[[ PROVIDED MATERIAL open ]]

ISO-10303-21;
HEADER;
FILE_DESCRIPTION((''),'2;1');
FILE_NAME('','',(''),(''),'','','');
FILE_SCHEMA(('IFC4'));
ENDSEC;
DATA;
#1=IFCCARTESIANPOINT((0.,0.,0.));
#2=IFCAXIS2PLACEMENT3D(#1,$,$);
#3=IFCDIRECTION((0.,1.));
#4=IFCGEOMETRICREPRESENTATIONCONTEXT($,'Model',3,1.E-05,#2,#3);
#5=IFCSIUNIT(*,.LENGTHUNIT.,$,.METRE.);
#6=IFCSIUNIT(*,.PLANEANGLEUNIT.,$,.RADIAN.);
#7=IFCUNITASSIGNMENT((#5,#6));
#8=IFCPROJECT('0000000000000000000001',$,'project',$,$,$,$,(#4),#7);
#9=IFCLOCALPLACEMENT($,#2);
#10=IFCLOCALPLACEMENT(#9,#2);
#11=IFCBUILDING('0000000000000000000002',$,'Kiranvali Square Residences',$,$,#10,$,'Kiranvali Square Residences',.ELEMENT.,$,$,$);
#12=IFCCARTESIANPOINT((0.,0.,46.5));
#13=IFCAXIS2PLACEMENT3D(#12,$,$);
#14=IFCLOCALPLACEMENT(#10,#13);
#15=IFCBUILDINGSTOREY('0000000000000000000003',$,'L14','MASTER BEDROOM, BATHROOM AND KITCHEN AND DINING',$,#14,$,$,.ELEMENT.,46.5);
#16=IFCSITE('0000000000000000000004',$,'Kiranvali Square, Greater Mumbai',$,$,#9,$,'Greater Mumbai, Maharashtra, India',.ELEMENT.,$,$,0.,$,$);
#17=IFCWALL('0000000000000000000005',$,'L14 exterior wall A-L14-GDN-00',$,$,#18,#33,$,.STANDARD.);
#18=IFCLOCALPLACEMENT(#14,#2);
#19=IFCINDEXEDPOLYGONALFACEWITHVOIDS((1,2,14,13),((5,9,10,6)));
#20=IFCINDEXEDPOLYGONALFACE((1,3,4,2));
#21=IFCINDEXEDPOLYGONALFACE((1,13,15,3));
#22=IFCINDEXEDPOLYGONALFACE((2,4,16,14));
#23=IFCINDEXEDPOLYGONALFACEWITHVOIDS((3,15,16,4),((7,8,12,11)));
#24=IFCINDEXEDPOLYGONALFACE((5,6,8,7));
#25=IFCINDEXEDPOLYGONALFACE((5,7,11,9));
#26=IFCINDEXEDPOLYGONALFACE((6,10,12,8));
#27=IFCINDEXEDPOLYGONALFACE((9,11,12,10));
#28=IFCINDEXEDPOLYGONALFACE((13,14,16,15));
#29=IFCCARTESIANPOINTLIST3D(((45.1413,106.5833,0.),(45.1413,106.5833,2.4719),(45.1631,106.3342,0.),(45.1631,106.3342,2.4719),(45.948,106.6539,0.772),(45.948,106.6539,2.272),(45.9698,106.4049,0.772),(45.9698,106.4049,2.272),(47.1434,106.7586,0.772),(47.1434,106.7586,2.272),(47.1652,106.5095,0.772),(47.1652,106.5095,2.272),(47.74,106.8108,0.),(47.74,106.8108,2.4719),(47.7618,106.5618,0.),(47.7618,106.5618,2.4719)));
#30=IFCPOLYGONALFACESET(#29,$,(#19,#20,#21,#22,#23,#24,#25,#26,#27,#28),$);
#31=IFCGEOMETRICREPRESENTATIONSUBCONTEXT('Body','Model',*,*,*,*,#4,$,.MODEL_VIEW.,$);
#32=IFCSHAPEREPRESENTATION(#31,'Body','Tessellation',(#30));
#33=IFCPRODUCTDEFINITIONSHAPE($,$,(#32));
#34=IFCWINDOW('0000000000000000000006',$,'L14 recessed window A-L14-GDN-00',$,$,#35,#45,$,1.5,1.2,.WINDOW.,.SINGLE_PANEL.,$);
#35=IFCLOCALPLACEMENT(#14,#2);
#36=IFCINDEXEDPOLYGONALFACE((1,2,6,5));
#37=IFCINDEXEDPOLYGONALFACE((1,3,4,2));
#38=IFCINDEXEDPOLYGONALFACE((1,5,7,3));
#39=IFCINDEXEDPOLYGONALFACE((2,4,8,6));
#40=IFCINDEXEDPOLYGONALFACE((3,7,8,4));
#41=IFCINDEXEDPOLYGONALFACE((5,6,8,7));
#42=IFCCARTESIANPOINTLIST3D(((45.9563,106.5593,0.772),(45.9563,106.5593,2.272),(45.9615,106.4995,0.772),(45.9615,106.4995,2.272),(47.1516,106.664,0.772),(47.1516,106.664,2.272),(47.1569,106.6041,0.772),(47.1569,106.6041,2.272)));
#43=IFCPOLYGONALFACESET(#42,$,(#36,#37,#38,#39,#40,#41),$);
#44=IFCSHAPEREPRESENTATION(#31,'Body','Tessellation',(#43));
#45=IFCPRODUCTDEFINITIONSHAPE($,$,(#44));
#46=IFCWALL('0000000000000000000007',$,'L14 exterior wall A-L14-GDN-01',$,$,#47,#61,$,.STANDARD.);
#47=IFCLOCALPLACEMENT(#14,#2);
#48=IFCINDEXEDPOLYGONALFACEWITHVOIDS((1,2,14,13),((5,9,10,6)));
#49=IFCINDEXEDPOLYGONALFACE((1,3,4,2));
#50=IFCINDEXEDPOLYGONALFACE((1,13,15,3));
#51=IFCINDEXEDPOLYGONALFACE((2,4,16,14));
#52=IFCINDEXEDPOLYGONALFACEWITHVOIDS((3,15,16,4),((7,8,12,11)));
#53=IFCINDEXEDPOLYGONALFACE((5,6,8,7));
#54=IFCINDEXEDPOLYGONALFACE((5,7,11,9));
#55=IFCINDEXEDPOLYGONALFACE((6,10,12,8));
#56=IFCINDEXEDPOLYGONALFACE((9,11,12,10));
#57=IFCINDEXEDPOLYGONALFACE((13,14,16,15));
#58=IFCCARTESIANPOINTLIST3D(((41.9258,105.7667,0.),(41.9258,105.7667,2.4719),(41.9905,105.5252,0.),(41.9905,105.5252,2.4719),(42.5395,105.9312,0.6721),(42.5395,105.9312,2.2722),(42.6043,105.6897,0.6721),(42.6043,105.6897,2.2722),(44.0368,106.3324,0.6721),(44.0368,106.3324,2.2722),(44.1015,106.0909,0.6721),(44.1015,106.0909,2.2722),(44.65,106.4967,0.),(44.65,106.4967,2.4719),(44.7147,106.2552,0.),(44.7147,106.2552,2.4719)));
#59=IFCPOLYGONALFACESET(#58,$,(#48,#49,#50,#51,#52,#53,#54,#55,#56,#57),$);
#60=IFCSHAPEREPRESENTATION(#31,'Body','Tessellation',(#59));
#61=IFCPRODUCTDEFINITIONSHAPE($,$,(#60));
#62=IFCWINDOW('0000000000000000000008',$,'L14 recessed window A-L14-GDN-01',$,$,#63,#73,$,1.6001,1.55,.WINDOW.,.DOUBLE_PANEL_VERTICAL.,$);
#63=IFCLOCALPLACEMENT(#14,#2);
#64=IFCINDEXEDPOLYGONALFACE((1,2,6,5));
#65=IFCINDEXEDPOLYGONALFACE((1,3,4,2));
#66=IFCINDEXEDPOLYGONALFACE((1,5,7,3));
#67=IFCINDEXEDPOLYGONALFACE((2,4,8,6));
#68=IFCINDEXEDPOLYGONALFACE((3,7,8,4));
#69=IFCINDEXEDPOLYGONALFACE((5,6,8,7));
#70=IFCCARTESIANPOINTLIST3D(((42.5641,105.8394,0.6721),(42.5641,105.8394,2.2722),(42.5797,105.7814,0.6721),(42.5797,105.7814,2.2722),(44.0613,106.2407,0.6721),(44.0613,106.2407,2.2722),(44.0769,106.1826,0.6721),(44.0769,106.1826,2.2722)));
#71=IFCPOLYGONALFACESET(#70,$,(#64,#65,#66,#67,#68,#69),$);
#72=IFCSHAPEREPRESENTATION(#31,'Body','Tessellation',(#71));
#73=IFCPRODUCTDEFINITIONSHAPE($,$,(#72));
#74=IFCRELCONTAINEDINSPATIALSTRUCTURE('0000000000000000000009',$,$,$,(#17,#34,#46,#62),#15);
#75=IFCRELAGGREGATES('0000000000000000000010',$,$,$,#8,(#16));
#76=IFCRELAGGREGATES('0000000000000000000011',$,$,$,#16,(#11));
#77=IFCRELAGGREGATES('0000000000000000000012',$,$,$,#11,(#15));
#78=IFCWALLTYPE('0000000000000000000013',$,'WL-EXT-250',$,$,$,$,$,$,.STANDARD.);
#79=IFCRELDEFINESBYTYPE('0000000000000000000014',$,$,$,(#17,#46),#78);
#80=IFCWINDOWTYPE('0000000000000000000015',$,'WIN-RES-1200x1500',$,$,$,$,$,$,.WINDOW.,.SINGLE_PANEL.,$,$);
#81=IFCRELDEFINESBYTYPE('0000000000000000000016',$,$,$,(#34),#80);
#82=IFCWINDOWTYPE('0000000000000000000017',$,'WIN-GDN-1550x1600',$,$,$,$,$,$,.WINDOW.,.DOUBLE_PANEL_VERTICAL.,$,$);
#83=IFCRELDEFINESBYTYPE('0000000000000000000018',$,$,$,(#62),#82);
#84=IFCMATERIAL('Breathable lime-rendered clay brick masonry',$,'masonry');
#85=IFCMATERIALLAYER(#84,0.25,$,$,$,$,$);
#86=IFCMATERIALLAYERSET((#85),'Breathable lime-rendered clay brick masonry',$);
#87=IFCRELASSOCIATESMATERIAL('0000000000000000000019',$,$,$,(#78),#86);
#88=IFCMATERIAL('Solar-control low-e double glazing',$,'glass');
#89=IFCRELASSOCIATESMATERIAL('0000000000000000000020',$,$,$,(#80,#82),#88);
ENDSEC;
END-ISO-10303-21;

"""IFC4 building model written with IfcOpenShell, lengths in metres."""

from ifc_helpers import new_model, si_unit, direction, frame, frame_2d, origin, place, context, subcontext, project, spatial, rectangle, extrude, material, layer, layer_set, type_object, element, fill, save


model = new_model("IFC4")

# Units and contexts
model_context = context("Model", 3, precision=1e-05, world=origin(), true_north=direction((0.0, 1.0)))
body_context = subcontext(model_context, "Body", "Model", "MODEL_VIEW")
ifc_project = project(units=[si_unit("LENGTHUNIT", "METRE"), si_unit("PLANEANGLEUNIT", "RADIAN")], contexts=[model_context])

# Site, building, storey
site_placement = place(None, origin())
site = spatial("IfcSite", under=ifc_project, at=site_placement, Name="Kiranvali Square, Greater Mumbai", LongName="Greater Mumbai, Maharashtra, India", CompositionType="ELEMENT", RefElevation=0.0)
building_placement = place(site_placement, origin())
building = spatial("IfcBuilding", under=site, at=building_placement, Name="Kiranvali Square Residences", LongName="Kiranvali Square Residences", CompositionType="ELEMENT")
storey_placement = place(building_placement, frame((0.0, 0.0, 46.5)))
storey = spatial("IfcBuildingStorey", under=building, at=storey_placement, Name="L14", Description="MASTER BEDROOM, BATHROOM AND KITCHEN AND DINING", CompositionType="ELEMENT", Elevation=46.5)

# Walls, openings, windows
ifc_material_1 = material(Name="Breathable lime-rendered clay brick masonry", Category="masonry")
ifc_layer_1 = layer(ifc_material_1, 0.25)
ifc_layer_set_1 = layer_set([ifc_layer_1], Name="Breathable lime-rendered clay brick masonry")
wall_type_1 = type_object("IfcWallType", Name="WL-EXT-250", PredefinedType="STANDARD", material=ifc_layer_set_1)
wall_1_placement = place(storey_placement, frame((47.7507, 106.6863, 0.0), z_axis=(0.0, 0.0, 1.0), x_axis=(-0.996188, -0.087227, 0.0)))
wall_1 = element("IfcWall", 1, at=wall_1_placement, inside=storey, type_object=wall_type_1, Name="L14 exterior wall A-L14-GDN-00", PredefinedType="STANDARD", context=body_context, shape_type="SweptSolid", body=[
    extrude(rectangle(XDim=2.6086, YDim=0.25, at=frame_2d((1.3042, 0.0))), origin(), (0.0, 0.0, 1.0), 2.4719),
])
opening_1_placement = place(wall_1_placement, frame((0.5986, 0.0, 0.772)))
opening_1 = element("IfcOpeningElement", 2, at=opening_1_placement, cuts=wall_1, PredefinedType="OPENING", context=body_context, shape_type="SweptSolid", body=[
    extrude(rectangle(XDim=1.2, YDim=1.5, at=frame_2d((0.6001, 0.75))), frame((0.0, 0.135, 0.0), z_axis=(0.0, -1.0, 0.0), x_axis=(1.0, 0.0, 0.0)), (0.0, 0.0, 1.0), 0.27),
])
ifc_material_2 = material(Name="Solar-control low-e double glazing", Category="glass")
window_type_1 = type_object("IfcWindowType", Name="WIN-RES-1200x1500", PartitioningType="SINGLE_PANEL", PredefinedType="WINDOW", material=ifc_material_2)
window_1_placement = place(opening_1_placement, origin())
window_1 = element("IfcWindow", 3, at=window_1_placement, inside=storey, type_object=window_type_1, Name="L14 recessed window A-L14-GDN-00", OverallHeight=1.5, OverallWidth=1.2, PartitioningType="SINGLE_PANEL", PredefinedType="WINDOW", context=body_context, shape_type="SweptSolid", body=[
    extrude(rectangle(XDim=1.2, YDim=1.5, at=frame_2d((0.6001, 0.75))), frame((0.0, 0.03, 0.0), z_axis=(0.0, -1.0, 0.0), x_axis=(1.0, 0.0, 0.0)), (0.0, 0.0, 1.0), 0.0601),
])
fill(opening_1, window_1)
wall_2_placement = place(storey_placement, frame((44.6824, 106.376, 0.0), z_axis=(0.0, 0.0, 1.0), x_axis=(-0.965921, -0.258837, 0.0)))
wall_2 = element("IfcWall", 4, at=wall_2_placement, inside=storey, type_object=wall_type_1, Name="L14 exterior wall A-L14-GDN-01", PredefinedType="STANDARD", context=body_context, shape_type="SweptSolid", body=[
    extrude(rectangle(XDim=2.8203, YDim=0.25, at=frame_2d((1.4102, 0.0))), origin(), (0.0, 0.0, 1.0), 2.4719),
])
opening_2_placement = place(wall_2_placement, frame((0.635, 0.0, 0.6721)))
opening_2 = element("IfcOpeningElement", 5, at=opening_2_placement, cuts=wall_2, PredefinedType="OPENING", context=body_context, shape_type="SweptSolid", body=[
    extrude(rectangle(XDim=1.55, YDim=1.6001, at=frame_2d((0.7749, 0.8))), frame((0.0, 0.135, 0.0), z_axis=(0.0, -1.0, 0.0), x_axis=(1.0, 0.0, 0.0)), (0.0, 0.0, 1.0), 0.27),
])
window_type_2 = type_object("IfcWindowType", Name="WIN-GDN-1550x1600", PartitioningType="DOUBLE_PANEL_VERTICAL", PredefinedType="WINDOW", material=ifc_material_2)
window_2_placement = place(opening_2_placement, origin())
window_2 = element("IfcWindow", 6, at=window_2_placement, inside=storey, type_object=window_type_2, Name="L14 recessed window A-L14-GDN-01", OverallHeight=1.6001, OverallWidth=1.55, PartitioningType="DOUBLE_PANEL_VERTICAL", PredefinedType="WINDOW", context=body_context, shape_type="SweptSolid", body=[
    extrude(rectangle(XDim=1.55, YDim=1.6001, at=frame_2d((0.7749, 0.8))), frame((0.0, 0.03, 0.0), z_axis=(0.0, -1.0, 0.0), x_axis=(1.0, 0.0, 0.0)), (0.0, 0.0, 1.0), 0.0601),
])
fill(opening_2, window_2)

save(model, "model.ifc")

[[ PROVIDED MATERIAL closed ]]

* [WORK TO COMPLETE] Count each line above where the word "IFCRELAGGREGATES" appears, and answer with nothing except that count.

* [ANSWER TO THIS PROBLEM] 3